▶ **Activity**: Search the records for the string "IFCRELAGGREGATES", then copy each line that has it.

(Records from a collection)
● ● ● ●

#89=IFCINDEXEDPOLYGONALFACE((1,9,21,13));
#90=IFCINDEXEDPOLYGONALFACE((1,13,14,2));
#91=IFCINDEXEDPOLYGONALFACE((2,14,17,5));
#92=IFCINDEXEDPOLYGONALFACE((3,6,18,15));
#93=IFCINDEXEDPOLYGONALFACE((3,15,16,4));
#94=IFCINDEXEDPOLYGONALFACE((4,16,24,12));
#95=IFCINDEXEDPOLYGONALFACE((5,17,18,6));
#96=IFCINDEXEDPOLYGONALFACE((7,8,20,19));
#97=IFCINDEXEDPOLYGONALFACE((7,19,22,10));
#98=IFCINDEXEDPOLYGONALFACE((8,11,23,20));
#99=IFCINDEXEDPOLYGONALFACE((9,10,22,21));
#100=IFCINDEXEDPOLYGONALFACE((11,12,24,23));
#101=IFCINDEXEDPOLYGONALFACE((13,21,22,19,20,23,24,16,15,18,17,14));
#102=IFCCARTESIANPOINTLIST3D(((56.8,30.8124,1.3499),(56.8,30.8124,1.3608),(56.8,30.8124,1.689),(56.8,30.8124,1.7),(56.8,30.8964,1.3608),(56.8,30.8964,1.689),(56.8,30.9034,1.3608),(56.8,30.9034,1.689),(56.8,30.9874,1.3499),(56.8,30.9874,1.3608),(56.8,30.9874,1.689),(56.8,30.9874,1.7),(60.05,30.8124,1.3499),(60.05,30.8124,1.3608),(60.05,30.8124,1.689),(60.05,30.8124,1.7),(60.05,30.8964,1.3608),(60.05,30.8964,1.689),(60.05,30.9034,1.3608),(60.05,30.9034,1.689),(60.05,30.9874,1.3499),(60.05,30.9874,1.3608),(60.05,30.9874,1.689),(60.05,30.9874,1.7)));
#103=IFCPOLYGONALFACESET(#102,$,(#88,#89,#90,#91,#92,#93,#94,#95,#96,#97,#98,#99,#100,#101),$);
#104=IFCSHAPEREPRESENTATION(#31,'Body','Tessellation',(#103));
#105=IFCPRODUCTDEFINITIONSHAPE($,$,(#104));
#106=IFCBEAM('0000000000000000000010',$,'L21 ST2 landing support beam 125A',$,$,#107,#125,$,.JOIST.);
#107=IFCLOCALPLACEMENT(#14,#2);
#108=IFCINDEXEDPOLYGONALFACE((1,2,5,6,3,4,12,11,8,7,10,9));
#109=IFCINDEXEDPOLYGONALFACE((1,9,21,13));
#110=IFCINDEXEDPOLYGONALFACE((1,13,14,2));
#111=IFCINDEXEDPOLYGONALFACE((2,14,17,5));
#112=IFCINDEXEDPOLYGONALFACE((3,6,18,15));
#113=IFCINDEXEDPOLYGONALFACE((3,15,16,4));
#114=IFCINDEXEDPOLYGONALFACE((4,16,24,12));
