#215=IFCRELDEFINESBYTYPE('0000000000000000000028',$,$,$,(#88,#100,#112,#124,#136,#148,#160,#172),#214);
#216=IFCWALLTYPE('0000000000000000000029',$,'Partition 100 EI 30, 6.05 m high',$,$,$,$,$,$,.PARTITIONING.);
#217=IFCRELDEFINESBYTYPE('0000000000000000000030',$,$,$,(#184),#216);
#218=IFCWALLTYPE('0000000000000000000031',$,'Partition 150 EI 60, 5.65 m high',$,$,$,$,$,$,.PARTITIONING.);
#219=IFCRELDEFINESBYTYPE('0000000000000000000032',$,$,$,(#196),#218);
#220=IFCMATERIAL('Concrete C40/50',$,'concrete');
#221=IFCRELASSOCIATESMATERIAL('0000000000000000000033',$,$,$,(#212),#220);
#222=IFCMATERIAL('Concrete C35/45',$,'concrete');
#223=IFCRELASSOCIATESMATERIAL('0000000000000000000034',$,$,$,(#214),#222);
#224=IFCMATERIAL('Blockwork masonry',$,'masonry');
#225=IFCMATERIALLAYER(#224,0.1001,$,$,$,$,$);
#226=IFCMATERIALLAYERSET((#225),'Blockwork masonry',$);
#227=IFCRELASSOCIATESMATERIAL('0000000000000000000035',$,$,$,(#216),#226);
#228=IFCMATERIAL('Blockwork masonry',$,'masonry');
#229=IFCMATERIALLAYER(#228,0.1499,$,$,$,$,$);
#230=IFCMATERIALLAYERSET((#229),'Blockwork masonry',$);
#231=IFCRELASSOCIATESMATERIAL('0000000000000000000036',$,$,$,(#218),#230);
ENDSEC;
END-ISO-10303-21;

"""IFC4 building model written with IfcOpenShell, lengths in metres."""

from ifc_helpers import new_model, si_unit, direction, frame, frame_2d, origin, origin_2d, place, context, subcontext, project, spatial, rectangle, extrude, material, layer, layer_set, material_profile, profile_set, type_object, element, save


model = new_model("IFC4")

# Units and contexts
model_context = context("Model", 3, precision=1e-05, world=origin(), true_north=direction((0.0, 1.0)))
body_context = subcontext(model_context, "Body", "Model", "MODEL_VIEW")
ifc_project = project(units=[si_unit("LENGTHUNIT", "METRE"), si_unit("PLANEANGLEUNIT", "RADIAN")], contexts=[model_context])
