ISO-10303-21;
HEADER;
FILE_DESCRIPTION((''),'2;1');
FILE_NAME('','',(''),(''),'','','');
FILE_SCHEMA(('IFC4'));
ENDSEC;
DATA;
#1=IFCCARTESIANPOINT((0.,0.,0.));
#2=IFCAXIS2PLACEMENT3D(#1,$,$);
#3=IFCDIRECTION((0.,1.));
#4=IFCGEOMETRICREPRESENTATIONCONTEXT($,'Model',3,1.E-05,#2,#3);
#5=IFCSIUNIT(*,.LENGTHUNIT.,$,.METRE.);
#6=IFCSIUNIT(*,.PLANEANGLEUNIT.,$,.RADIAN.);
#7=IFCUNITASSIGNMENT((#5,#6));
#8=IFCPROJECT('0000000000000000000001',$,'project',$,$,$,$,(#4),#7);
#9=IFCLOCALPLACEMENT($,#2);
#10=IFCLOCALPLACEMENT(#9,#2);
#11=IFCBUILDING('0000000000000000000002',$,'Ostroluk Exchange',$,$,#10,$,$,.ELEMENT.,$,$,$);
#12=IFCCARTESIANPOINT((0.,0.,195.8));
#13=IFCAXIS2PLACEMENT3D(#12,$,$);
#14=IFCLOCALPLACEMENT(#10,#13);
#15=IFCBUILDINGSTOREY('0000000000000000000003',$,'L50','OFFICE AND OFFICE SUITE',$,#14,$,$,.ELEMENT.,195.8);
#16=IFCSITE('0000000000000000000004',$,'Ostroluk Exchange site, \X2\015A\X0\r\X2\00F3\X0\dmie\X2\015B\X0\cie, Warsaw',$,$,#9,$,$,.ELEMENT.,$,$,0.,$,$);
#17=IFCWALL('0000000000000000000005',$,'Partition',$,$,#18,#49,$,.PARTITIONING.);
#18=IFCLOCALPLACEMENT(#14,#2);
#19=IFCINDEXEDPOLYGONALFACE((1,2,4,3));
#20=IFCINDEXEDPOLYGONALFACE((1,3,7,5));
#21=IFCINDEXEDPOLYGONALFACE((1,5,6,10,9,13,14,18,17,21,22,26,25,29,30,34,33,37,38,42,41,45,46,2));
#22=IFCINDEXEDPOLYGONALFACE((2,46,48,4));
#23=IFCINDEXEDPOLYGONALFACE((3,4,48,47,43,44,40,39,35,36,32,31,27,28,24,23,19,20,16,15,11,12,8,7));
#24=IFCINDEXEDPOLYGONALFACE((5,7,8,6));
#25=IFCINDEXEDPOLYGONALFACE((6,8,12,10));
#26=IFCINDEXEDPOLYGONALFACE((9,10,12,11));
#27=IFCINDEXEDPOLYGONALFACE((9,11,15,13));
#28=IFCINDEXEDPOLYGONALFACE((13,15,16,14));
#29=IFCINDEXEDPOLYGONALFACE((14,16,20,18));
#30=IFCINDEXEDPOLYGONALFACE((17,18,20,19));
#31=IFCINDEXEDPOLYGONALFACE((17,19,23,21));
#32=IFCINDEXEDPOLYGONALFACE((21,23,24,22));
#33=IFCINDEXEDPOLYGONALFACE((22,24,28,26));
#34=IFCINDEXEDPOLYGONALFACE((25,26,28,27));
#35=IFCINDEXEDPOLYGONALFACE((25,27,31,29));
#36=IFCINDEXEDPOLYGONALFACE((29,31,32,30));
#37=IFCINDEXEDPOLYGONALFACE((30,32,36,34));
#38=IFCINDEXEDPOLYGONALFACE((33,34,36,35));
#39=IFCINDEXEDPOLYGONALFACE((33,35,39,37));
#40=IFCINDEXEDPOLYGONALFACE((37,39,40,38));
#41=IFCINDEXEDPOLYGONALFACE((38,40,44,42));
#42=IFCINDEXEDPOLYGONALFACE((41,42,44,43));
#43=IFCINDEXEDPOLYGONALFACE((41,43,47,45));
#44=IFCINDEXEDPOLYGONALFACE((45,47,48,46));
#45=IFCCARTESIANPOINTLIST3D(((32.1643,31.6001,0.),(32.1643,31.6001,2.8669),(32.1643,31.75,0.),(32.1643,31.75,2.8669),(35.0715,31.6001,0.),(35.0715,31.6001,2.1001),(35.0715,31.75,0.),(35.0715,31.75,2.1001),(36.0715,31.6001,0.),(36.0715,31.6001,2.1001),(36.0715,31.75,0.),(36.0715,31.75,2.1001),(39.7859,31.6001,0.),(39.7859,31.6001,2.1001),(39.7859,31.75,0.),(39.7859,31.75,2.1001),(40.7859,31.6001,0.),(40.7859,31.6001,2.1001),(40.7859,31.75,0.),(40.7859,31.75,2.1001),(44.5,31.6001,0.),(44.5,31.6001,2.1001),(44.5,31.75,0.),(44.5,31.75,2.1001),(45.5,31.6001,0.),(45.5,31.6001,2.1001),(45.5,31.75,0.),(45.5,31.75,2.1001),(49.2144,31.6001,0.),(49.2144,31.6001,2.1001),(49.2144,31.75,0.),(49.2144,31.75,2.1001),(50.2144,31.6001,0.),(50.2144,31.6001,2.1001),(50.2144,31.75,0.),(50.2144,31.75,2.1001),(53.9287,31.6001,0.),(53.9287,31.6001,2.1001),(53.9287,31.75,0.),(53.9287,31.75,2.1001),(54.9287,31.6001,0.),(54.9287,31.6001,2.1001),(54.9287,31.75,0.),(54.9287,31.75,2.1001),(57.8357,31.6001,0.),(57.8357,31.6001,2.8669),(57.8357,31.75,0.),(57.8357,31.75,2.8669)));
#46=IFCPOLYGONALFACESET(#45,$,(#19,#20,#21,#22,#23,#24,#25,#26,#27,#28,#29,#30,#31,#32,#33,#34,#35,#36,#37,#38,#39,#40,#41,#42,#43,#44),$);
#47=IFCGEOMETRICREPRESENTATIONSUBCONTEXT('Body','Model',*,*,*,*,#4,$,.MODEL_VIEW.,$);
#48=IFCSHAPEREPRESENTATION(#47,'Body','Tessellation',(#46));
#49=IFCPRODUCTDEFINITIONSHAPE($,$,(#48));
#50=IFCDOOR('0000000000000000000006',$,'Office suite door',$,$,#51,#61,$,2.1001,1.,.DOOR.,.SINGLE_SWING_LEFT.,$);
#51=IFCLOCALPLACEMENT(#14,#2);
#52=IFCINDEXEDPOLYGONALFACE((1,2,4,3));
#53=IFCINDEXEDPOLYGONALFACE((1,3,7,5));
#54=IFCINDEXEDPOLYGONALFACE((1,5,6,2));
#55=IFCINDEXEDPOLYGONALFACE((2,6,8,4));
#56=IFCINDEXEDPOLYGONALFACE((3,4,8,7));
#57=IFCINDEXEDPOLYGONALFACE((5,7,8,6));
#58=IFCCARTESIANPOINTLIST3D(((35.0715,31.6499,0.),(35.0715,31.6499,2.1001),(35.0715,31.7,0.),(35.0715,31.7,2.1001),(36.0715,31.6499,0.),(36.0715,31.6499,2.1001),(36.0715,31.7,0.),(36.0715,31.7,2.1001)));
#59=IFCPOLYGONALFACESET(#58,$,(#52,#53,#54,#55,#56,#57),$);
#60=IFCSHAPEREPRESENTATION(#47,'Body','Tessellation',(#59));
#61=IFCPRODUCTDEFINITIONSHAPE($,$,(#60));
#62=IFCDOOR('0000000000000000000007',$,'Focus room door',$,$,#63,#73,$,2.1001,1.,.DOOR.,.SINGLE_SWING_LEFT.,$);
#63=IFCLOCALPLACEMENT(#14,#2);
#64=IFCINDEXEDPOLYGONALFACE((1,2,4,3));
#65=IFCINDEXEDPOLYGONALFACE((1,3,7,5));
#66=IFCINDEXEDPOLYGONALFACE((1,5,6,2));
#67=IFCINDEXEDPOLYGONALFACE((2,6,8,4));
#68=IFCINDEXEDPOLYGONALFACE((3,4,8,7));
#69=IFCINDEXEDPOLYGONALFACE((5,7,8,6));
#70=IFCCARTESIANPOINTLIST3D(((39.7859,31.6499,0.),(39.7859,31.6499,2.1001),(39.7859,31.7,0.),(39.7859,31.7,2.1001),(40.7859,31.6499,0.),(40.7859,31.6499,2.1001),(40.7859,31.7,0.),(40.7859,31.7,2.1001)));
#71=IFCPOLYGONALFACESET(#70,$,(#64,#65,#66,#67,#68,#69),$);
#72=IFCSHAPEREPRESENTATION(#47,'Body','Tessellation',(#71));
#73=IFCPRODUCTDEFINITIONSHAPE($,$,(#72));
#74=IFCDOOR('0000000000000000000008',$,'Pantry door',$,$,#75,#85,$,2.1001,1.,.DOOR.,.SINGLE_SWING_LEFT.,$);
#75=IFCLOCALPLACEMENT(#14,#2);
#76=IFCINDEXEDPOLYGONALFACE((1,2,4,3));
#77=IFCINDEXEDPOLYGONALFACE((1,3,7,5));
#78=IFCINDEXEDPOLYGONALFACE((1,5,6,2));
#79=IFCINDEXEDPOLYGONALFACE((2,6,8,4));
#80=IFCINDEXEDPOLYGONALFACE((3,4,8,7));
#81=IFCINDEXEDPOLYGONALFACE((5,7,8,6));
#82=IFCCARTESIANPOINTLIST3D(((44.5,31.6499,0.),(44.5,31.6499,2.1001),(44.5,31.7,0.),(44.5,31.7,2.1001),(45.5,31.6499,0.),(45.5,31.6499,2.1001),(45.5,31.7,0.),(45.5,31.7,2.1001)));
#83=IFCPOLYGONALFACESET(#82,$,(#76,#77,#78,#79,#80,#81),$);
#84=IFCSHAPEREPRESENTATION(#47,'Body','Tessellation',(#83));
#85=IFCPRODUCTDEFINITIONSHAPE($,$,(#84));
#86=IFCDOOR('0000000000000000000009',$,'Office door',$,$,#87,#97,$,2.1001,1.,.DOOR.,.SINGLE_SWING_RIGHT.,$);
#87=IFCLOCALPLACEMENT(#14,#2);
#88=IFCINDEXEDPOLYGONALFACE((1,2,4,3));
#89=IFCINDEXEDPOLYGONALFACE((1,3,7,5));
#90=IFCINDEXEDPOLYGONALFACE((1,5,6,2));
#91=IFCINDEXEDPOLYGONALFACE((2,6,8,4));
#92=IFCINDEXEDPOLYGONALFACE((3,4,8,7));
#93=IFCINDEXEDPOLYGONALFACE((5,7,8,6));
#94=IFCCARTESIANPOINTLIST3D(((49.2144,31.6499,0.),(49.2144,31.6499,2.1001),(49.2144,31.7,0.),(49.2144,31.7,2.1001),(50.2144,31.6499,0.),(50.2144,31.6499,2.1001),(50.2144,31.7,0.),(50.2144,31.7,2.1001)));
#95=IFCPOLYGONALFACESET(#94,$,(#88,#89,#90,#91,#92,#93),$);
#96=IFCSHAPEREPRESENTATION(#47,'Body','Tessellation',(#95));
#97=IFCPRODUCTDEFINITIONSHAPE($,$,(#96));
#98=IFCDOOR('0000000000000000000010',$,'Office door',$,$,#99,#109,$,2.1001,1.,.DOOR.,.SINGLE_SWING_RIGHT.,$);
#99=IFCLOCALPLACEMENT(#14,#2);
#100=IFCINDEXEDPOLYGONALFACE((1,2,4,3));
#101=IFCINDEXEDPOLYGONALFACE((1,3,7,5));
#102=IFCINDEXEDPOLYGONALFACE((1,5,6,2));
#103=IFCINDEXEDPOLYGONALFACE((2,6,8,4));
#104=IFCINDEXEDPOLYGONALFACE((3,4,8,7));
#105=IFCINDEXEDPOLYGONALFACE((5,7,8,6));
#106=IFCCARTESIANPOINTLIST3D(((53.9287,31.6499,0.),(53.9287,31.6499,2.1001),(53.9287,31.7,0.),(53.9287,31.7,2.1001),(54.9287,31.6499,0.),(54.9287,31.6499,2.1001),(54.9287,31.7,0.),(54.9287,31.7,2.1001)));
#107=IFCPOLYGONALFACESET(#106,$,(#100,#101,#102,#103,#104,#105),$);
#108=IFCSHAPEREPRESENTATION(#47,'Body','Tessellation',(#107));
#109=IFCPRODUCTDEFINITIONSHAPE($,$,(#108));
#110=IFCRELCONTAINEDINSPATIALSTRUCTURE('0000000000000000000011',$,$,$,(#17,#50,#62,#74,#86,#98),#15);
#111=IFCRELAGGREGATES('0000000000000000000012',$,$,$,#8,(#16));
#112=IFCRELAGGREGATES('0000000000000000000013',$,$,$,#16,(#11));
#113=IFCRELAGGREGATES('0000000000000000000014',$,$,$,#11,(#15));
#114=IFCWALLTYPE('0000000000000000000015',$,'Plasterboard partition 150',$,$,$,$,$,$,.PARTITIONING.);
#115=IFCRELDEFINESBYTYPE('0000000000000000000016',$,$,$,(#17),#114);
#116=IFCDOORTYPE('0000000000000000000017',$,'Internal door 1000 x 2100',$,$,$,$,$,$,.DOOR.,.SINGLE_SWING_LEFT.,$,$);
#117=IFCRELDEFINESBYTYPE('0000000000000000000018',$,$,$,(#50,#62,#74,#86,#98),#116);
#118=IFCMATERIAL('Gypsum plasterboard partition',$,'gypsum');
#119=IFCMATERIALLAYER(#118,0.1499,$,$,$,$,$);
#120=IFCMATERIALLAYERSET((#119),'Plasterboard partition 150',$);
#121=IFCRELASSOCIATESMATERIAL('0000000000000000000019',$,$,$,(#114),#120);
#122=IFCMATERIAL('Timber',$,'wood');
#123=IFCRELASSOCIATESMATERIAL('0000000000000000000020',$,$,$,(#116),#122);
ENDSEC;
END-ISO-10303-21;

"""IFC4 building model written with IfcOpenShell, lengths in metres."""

from ifc_helpers import new_model, si_unit, direction, frame, frame_2d, origin, place, context, subcontext, project, spatial, rectangle, extrude, material, layer, layer_set, type_object, element, fill, save


model = new_model("IFC4")

# Units and contexts
model_context = context("Model", 3, precision=1e-05, world=origin(), true_north=direction((0.0, 1.0)))
body_context = subcontext(model_context, "Body", "Model", "MODEL_VIEW")
ifc_project = project(units=[si_unit("LENGTHUNIT", "METRE"), si_unit("PLANEANGLEUNIT", "RADIAN")], contexts=[model_context])

# Site, building, storey
site_placement = place(None, origin())
site = spatial("IfcSite", under=ifc_project, at=site_placement, Name="Ostroluk Exchange site, Śródmieście, Warsaw", CompositionType="ELEMENT", RefElevation=0.0)
building_placement = place(site_placement, origin())
building = spatial("IfcBuilding", under=site, at=building_placement, Name="Ostroluk Exchange", CompositionType="ELEMENT")
storey_placement = place(building_placement, frame((0.0, 0.0, 195.8)))
storey = spatial("IfcBuildingStorey", under=building, at=storey_placement, Name="L50", Description="OFFICE AND OFFICE SUITE", CompositionType="ELEMENT", Elevation=195.8)

# Shared definitions
ifc_material_1 = material(Name="Gypsum plasterboard partition", Category="gypsum")
ifc_layer_1 = layer(ifc_material_1, 0.1499)
ifc_layer_set_1 = layer_set([ifc_layer_1], Name="Plasterboard partition 150")
wall_type_1 = type_object("IfcWallType", Name="Plasterboard partition 150", PredefinedType="PARTITIONING", material=ifc_layer_set_1)
ifc_material_2 = material(Name="Timber", Category="wood")
door_type_1 = type_object("IfcDoorType", Name="Internal door 1000 x 2100", OperationType="SINGLE_SWING_LEFT", PredefinedType="DOOR", material=ifc_material_2)

# Wall, openings, doors
wall_1_placement = place(storey_placement, frame((32.1643, 31.675, 0.0), z_axis=(0.0, 0.0, 1.0), x_axis=(1.0, 0.0, 0.0)))
wall_1 = element("IfcWall", 1, at=wall_1_placement, inside=storey, type_object=wall_type_1, Name="Partition", PredefinedType="PARTITIONING", context=body_context, shape_type="SweptSolid", body=[
    extrude(rectangle(XDim=25.6714, YDim=0.1499, at=frame_2d((12.8357, 0.0))), origin(), (0.0, 0.0, 1.0), 2.8669),
])
opening_1_placement = place(wall_1_placement, frame((2.9072, 0.0, 0.0)))
opening_1 = element("IfcOpeningElement", 2, at=opening_1_placement, cuts=wall_1, PredefinedType="OPENING", context=body_context, shape_type="SweptSolid", body=[
    extrude(rectangle(XDim=1.0, YDim=2.1001, at=frame_2d((0.5, 1.05))), frame((0.0, 0.085, 0.0), z_axis=(0.0, -1.0, 0.0), x_axis=(1.0, 0.0, 0.0)), (0.0, 0.0, 1.0), 0.1699),
])
opening_2_placement = place(wall_1_placement, frame((7.6216, 0.0, 0.0)))
opening_2 = element("IfcOpeningElement", 3, at=opening_2_placement, cuts=wall_1, PredefinedType="OPENING", context=body_context, shape_type="SweptSolid", body=[
    extrude(rectangle(XDim=1.0, YDim=2.1001, at=frame_2d((0.5, 1.05))), frame((0.0, 0.085, 0.0), z_axis=(0.0, -1.0, 0.0), x_axis=(1.0, 0.0, 0.0)), (0.0, 0.0, 1.0), 0.1699),
])
opening_3_placement = place(wall_1_placement, frame((12.3357, 0.0, 0.0)))
opening_3 = element("IfcOpeningElement", 4, at=opening_3_placement, cuts=wall_1, PredefinedType="OPENING", context=body_context, shape_type="SweptSolid", body=[
    extrude(rectangle(XDim=1.0, YDim=2.1001, at=frame_2d((0.5, 1.05))), frame((0.0, 0.085, 0.0), z_axis=(0.0, -1.0, 0.0), x_axis=(1.0, 0.0, 0.0)), (0.0, 0.0, 1.0), 0.1699),
])
opening_4_placement = place(wall_1_placement, frame((17.05, 0.0, 0.0)))
opening_4 = element("IfcOpeningElement", 5, at=opening_4_placement, cuts=wall_1, PredefinedType="OPENING", context=body_context, shape_type="SweptSolid", body=[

● ● ● ●

▶ **Output**:
#111=IFCRELAGGREGATES('0000000000000000000012',$,$,$,#8,(#16));
#112=IFCRELAGGREGATES('0000000000000000000013',$,$,$,#16,(#11));
#113=IFCRELAGGREGATES('0000000000000000000014',$,$,$,#11,(#15));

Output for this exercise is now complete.